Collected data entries

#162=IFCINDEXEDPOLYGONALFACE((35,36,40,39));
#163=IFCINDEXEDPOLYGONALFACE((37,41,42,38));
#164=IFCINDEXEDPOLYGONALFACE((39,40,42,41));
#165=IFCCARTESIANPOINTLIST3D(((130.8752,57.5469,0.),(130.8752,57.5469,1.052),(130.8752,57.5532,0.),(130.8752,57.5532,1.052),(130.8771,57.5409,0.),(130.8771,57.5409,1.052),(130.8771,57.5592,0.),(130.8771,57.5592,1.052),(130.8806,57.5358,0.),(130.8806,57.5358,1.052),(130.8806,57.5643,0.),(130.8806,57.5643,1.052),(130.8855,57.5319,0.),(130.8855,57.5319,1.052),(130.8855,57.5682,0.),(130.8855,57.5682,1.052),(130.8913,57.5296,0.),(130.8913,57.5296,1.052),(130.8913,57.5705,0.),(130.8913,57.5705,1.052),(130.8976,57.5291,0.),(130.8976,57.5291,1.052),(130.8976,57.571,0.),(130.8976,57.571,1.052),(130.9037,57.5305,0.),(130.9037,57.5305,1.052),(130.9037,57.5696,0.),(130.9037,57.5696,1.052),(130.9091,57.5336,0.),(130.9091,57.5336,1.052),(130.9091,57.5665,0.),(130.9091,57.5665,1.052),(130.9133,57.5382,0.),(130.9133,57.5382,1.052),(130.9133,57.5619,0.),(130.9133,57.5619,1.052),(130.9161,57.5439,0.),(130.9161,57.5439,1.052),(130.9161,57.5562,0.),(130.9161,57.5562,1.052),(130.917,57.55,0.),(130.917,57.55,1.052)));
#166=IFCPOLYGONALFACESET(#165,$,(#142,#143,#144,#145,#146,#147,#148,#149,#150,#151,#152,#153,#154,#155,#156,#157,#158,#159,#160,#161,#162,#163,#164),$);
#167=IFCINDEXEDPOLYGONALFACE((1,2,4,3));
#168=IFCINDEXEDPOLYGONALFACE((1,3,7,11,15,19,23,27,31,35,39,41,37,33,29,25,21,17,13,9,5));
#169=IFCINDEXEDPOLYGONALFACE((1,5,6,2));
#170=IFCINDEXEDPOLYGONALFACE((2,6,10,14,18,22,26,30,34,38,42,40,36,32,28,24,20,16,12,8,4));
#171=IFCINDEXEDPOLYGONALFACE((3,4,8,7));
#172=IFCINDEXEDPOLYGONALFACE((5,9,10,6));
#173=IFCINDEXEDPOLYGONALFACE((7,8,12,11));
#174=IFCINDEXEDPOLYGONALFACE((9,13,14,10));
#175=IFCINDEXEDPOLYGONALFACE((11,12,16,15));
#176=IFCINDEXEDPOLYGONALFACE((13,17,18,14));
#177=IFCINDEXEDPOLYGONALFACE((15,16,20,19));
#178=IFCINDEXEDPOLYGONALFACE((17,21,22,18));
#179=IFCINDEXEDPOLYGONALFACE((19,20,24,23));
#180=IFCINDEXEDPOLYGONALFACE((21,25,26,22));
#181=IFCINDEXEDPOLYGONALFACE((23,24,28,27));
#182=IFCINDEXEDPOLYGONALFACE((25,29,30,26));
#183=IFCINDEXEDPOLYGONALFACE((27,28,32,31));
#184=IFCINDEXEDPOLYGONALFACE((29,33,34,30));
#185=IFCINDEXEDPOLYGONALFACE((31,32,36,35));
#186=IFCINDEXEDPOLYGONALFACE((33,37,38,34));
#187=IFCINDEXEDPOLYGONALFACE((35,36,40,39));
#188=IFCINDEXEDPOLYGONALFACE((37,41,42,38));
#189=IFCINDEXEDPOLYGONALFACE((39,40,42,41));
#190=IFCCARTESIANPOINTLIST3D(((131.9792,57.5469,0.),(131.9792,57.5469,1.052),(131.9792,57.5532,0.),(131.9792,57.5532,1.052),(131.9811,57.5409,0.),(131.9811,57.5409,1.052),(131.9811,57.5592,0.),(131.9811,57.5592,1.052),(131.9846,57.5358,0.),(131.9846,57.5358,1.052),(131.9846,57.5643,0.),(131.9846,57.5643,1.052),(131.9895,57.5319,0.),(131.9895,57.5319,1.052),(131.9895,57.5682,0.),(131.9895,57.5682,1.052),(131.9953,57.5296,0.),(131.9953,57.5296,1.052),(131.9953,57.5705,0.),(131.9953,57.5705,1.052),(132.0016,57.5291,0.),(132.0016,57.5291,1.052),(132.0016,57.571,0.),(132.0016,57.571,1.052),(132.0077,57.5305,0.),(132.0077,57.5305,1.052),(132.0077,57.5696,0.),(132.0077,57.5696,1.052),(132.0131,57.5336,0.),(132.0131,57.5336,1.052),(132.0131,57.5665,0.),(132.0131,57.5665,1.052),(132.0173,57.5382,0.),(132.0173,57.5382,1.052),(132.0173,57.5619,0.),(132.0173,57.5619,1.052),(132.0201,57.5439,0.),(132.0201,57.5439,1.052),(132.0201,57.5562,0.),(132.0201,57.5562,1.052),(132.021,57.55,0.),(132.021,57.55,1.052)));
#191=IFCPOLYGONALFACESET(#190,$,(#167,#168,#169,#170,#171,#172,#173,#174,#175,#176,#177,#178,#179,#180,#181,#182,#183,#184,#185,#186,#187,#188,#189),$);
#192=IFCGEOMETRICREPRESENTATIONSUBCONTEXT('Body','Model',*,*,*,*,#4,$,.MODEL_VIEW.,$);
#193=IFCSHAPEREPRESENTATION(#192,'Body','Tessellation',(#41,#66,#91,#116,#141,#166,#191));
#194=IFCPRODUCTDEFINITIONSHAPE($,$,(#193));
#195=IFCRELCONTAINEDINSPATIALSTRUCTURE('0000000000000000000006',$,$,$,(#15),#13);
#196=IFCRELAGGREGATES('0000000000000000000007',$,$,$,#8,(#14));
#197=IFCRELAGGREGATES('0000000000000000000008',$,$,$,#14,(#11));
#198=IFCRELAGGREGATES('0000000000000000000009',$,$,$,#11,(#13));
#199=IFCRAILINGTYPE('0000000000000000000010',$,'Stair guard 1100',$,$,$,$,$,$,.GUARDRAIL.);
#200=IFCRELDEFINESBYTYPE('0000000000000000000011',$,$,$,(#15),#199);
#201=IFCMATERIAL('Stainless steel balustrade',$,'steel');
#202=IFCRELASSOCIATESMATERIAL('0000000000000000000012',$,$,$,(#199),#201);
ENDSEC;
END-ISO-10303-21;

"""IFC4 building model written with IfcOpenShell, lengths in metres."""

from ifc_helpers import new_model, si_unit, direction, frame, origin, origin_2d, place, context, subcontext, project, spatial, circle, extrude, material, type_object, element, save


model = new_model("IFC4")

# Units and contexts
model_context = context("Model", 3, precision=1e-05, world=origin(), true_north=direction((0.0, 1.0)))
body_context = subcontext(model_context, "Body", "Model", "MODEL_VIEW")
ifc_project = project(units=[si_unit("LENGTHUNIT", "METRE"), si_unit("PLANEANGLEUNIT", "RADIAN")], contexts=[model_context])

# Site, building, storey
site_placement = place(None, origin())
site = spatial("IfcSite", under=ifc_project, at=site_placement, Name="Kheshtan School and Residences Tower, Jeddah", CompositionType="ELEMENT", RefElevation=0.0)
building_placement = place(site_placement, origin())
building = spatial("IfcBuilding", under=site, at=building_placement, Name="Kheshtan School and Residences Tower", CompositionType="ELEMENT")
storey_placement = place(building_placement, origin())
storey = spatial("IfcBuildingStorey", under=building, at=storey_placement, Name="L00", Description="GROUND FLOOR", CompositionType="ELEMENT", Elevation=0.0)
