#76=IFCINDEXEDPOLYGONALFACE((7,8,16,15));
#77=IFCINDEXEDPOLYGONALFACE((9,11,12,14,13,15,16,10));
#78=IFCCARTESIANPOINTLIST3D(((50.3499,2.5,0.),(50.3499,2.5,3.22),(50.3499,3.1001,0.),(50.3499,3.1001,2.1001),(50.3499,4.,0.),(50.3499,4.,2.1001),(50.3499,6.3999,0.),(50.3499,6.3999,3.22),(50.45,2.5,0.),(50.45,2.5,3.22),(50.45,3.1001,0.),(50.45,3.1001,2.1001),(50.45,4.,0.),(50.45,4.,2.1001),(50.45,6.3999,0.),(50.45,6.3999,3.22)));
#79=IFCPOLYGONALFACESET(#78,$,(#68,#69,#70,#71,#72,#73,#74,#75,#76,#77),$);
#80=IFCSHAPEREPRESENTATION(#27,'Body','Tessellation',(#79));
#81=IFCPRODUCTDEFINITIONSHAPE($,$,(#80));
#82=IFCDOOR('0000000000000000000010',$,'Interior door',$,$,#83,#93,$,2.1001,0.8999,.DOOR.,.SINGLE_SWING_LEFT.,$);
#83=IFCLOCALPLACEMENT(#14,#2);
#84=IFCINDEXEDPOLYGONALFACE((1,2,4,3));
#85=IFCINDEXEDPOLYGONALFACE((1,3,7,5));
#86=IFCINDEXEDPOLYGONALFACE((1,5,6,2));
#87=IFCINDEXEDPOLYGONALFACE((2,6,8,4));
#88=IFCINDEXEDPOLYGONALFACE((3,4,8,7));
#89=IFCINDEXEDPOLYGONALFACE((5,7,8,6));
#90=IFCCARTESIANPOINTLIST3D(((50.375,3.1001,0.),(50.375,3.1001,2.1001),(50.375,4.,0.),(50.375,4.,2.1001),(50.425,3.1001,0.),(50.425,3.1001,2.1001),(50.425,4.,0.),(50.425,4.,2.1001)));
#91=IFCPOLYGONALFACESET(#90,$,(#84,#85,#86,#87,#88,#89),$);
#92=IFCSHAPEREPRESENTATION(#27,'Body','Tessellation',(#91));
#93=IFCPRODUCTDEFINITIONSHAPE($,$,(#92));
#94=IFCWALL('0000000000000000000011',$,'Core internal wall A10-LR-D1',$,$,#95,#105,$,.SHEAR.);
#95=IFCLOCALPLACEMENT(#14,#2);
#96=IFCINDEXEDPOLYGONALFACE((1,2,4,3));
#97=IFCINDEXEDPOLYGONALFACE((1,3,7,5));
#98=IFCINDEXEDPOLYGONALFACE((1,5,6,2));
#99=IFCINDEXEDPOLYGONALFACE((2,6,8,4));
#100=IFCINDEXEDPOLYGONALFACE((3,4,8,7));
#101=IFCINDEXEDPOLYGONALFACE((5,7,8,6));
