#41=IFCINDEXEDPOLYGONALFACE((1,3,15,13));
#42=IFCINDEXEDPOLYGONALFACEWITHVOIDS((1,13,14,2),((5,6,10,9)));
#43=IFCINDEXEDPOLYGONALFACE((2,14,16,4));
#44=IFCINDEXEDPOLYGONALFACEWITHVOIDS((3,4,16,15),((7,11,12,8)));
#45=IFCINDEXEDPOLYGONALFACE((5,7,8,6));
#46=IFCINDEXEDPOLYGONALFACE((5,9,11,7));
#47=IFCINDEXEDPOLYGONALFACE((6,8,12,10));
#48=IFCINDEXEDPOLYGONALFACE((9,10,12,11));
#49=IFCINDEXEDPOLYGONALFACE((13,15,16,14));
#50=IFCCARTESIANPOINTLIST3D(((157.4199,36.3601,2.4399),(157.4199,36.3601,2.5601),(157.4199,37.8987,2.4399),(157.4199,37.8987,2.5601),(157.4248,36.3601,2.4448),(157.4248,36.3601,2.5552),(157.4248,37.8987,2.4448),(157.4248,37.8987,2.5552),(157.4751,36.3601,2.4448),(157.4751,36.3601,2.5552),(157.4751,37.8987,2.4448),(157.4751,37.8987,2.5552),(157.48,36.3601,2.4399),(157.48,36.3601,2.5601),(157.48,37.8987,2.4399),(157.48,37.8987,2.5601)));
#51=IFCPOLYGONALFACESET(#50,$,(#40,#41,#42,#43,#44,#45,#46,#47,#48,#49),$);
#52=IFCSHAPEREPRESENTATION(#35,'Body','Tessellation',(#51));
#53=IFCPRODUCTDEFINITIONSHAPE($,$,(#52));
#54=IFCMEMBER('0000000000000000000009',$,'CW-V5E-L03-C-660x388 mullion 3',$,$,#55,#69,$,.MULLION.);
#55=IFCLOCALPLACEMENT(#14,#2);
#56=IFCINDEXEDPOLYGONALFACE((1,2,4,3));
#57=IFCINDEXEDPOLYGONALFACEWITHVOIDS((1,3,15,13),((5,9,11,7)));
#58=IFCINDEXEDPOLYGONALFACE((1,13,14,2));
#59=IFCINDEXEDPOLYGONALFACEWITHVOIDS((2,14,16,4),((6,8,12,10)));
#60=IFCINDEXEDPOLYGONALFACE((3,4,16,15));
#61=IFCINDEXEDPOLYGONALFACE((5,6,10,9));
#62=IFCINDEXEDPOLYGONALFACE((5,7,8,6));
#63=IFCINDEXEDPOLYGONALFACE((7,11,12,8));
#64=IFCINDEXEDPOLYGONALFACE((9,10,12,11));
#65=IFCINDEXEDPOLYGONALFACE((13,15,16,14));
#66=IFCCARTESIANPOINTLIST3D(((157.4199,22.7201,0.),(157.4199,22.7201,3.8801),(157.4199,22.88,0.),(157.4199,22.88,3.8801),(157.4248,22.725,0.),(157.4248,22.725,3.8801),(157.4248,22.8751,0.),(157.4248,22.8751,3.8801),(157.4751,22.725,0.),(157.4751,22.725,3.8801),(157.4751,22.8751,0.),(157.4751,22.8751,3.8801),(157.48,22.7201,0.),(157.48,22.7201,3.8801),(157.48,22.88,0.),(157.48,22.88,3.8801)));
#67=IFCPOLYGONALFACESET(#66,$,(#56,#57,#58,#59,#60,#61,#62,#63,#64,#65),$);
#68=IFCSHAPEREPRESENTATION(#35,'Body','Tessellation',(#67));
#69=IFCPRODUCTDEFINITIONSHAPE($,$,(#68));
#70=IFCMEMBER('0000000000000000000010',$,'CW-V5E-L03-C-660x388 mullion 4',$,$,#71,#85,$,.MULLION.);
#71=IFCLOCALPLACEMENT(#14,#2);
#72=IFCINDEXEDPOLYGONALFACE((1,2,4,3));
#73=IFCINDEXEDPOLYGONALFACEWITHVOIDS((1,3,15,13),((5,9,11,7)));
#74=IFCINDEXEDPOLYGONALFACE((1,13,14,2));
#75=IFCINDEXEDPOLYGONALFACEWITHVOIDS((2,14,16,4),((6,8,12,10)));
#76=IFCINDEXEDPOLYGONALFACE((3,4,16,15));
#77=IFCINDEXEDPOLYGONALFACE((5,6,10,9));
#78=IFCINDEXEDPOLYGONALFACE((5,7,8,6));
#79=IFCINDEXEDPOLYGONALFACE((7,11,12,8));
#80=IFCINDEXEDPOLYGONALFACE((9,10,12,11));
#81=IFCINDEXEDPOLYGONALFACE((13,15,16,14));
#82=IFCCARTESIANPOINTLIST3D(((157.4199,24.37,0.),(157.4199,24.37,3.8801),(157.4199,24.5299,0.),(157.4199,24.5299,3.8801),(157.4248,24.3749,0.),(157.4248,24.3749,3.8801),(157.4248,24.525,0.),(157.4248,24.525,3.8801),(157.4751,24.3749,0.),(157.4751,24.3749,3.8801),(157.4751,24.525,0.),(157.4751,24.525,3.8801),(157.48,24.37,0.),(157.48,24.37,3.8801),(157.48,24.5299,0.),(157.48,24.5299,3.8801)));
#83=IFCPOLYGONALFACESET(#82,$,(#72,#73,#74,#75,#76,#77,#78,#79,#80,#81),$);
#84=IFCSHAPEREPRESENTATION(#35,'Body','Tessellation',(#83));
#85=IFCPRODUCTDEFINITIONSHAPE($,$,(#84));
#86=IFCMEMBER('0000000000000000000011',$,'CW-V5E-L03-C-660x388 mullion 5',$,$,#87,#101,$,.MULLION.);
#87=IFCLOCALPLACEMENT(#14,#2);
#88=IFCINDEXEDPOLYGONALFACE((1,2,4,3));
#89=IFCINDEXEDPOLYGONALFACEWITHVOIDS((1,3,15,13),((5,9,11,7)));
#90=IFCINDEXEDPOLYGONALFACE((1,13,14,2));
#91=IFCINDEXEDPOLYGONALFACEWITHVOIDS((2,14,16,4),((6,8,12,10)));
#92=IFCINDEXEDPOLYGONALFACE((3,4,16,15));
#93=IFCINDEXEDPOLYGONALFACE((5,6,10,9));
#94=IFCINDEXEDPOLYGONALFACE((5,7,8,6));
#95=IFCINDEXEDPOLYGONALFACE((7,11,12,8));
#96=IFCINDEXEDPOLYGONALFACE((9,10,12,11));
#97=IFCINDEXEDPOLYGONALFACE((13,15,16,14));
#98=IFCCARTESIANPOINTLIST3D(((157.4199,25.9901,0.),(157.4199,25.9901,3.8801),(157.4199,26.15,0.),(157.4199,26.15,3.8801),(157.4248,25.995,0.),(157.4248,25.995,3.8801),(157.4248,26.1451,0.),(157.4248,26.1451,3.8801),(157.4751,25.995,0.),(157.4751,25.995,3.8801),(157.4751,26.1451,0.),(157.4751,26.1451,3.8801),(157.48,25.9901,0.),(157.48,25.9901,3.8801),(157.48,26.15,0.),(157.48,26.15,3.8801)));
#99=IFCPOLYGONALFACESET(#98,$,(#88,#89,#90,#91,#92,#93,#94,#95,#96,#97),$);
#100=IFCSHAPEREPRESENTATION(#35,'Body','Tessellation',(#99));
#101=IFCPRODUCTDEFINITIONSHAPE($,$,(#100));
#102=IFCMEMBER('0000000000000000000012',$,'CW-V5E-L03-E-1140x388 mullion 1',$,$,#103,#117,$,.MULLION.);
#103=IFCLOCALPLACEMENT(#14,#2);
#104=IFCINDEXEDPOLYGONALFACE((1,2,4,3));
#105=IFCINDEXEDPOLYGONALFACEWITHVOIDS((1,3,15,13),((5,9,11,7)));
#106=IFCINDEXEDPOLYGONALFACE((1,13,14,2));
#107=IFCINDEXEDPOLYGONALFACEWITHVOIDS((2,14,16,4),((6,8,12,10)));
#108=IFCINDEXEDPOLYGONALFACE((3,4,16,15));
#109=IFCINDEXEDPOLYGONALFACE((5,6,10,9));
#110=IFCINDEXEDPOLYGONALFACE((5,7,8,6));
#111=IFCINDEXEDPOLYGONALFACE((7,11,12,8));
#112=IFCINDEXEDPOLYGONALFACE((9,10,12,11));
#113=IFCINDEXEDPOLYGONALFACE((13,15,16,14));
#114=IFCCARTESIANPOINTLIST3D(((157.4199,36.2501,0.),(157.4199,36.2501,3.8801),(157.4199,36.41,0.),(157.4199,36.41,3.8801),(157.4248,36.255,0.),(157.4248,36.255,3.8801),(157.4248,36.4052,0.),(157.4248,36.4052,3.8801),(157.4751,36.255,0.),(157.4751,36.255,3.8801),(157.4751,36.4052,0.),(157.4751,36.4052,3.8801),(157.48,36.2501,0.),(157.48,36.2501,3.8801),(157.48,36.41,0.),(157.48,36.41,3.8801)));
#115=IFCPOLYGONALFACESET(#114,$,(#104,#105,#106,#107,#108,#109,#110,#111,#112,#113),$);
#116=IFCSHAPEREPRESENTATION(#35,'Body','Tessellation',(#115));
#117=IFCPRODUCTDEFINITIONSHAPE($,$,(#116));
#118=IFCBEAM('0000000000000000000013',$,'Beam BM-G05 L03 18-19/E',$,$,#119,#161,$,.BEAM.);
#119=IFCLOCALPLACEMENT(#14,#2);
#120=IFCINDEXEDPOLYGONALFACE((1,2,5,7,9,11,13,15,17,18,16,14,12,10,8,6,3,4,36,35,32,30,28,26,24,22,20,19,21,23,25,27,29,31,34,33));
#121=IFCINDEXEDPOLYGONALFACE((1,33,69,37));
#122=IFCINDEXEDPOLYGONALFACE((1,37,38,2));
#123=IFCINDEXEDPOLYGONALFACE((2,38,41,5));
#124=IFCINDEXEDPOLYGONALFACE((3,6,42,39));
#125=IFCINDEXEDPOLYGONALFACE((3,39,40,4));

* **Problem description**: From the first line of the data through the line with "#164=IFCINDEXEDPOLYGONALFACE((39,40,42,41));", quote each line exactly and add nothing else.

* **Completed exercise**:
#162=IFCINDEXEDPOLYGONALFACE((35,36,40,39));
#163=IFCINDEXEDPOLYGONALFACE((37,41,42,38));
#164=IFCINDEXEDPOLYGONALFACE((39,40,42,41));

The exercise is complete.